Required work.
When you reach the line with "#219=IFCMATERIALLAYER(#218,0.1499,$,$,$,$,$);" in the data below, begin printing lines exactly, and stop once the line with "END-ISO-10303-21;" has been printed.

[Dataset entries]
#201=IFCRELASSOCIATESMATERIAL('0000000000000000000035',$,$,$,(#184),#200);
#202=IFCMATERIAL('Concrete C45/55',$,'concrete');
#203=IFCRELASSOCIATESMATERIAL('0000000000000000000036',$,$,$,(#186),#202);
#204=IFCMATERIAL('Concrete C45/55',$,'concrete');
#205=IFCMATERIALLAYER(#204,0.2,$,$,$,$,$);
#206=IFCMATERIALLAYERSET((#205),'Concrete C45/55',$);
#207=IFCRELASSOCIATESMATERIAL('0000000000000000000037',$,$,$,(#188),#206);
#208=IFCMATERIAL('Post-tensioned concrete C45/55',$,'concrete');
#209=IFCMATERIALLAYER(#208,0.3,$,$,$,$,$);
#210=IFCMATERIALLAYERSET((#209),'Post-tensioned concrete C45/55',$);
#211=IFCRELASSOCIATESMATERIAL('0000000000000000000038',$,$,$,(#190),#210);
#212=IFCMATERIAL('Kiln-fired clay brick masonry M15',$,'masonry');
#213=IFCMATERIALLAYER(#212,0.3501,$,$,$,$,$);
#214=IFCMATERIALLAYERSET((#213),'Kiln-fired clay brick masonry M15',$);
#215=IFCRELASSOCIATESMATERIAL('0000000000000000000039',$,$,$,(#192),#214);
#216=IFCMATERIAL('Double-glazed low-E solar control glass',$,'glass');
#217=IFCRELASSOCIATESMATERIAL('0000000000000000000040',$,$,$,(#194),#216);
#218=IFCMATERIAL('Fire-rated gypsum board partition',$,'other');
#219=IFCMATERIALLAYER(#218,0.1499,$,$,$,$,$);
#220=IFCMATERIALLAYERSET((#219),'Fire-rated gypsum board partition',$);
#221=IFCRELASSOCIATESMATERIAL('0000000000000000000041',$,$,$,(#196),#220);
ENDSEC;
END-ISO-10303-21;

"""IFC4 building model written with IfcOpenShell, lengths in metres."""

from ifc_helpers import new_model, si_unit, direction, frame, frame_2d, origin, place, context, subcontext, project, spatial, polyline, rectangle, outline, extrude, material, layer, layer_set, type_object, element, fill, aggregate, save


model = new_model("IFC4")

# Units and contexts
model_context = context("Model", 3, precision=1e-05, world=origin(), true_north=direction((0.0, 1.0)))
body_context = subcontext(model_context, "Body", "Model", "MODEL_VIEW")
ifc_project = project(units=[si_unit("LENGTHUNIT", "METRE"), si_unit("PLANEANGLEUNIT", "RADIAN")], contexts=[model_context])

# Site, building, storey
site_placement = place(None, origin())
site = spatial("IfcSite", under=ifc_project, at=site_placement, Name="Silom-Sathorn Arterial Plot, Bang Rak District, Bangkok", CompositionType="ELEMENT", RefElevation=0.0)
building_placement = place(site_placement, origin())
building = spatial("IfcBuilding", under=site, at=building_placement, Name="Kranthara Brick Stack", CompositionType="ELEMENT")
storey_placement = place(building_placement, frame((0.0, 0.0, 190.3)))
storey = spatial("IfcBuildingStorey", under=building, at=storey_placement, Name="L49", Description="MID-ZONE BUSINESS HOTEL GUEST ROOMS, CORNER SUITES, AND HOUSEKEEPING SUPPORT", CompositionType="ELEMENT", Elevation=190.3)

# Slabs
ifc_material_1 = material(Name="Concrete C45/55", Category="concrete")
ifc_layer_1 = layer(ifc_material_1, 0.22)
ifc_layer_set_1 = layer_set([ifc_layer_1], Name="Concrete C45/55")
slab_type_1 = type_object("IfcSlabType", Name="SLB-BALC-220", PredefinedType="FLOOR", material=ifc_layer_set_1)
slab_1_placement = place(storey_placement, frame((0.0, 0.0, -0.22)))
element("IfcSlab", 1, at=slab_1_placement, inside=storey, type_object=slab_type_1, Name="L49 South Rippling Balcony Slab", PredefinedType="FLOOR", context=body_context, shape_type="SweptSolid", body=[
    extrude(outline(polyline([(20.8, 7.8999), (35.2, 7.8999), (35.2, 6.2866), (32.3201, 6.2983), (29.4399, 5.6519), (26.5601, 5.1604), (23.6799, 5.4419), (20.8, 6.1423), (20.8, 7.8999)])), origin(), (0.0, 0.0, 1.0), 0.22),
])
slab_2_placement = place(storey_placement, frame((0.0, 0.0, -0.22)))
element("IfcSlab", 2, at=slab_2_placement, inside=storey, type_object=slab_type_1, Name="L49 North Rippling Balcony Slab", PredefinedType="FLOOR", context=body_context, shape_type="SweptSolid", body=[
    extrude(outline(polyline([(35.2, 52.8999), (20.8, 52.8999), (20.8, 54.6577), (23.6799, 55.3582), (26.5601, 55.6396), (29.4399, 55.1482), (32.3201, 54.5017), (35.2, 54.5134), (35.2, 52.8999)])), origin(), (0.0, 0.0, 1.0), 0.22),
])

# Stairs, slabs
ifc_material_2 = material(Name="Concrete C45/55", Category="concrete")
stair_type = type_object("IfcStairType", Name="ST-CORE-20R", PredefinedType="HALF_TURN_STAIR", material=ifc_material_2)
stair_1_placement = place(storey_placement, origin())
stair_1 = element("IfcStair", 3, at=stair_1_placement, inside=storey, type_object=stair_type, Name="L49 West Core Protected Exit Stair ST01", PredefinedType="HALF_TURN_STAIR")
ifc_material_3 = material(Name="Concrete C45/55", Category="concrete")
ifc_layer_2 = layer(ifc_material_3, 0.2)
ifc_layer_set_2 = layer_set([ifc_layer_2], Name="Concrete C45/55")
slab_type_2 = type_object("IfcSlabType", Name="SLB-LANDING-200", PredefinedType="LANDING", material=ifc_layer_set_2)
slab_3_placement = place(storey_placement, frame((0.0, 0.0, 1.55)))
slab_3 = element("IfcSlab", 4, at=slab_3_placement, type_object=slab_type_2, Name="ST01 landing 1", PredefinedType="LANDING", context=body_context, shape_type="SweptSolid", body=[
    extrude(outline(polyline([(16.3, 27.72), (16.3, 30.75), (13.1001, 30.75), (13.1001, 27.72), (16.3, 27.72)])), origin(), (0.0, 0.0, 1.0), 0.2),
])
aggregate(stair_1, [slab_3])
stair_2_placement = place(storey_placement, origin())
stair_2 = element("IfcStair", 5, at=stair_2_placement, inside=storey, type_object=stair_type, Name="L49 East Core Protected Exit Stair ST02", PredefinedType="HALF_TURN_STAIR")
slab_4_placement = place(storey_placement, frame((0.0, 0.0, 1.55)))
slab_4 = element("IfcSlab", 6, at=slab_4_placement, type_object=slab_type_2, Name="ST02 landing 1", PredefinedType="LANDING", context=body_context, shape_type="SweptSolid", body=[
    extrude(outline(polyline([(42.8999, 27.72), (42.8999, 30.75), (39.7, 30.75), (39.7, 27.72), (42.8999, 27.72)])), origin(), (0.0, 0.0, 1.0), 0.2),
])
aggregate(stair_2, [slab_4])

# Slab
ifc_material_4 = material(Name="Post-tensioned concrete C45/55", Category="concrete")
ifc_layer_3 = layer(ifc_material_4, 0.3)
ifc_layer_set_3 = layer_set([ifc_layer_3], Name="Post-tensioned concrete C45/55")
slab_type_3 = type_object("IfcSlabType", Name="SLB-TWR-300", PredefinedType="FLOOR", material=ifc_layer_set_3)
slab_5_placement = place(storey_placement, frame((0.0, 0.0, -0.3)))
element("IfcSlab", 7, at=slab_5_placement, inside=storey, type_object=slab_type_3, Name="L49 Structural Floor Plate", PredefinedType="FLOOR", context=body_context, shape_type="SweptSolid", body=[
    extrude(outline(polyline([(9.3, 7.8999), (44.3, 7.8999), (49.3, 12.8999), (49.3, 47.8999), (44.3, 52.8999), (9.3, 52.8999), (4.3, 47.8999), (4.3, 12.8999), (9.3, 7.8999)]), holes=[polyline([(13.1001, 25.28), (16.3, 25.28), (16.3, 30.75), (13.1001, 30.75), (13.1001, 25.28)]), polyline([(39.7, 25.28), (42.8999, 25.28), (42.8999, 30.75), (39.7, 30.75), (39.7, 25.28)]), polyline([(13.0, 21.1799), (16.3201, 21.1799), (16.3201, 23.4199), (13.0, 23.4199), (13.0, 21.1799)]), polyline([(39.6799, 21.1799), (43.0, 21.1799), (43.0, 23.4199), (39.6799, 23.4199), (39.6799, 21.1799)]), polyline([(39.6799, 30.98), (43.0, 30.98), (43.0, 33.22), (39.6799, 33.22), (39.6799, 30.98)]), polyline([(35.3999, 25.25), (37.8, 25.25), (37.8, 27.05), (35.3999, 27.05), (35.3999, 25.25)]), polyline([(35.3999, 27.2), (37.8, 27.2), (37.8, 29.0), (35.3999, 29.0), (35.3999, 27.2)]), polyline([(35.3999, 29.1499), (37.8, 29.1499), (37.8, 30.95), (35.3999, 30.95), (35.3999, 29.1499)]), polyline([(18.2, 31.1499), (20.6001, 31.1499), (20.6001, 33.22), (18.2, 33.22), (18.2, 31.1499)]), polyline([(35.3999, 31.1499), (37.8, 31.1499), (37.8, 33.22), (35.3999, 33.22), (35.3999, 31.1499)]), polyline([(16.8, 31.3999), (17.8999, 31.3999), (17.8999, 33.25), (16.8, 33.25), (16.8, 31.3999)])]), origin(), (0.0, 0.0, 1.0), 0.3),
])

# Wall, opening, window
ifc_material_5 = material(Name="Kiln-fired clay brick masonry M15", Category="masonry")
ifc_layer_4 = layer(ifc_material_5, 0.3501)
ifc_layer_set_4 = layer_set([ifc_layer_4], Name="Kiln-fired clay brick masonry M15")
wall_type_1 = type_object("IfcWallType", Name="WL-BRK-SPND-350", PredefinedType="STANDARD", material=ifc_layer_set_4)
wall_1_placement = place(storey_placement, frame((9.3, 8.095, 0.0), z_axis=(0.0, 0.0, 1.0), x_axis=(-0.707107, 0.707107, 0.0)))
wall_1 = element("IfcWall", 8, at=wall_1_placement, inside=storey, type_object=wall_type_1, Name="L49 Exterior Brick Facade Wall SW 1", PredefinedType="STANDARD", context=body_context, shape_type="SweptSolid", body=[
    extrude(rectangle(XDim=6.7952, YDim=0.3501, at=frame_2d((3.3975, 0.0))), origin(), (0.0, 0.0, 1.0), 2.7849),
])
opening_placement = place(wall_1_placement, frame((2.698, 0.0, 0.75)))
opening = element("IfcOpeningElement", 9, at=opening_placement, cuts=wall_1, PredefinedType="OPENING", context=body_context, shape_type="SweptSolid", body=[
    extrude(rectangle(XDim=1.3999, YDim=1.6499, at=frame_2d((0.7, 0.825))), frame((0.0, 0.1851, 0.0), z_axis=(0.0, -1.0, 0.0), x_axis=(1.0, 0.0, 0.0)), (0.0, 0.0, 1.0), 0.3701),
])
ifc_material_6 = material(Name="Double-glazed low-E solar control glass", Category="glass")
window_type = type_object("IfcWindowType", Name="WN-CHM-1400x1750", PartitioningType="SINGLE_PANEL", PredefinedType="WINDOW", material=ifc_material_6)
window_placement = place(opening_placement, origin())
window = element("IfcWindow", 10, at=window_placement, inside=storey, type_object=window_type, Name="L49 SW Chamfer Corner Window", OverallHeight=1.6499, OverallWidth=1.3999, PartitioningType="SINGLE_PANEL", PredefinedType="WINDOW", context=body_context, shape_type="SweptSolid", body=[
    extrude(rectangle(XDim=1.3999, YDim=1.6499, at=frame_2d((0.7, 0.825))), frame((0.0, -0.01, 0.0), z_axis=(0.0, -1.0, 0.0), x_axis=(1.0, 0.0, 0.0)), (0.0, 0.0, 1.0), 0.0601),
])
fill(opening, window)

Task answer.
#219=IFCMATERIALLAYER(#218,0.1499,$,$,$,$,$);
#220=IFCMATERIALLAYERSET((#219),'Fire-rated gypsum board partition',$);
#221=IFCRELASSOCIATESMATERIAL('0000000000000000000041',$,$,$,(#196),#220);
ENDSEC;
END-ISO-10303-21;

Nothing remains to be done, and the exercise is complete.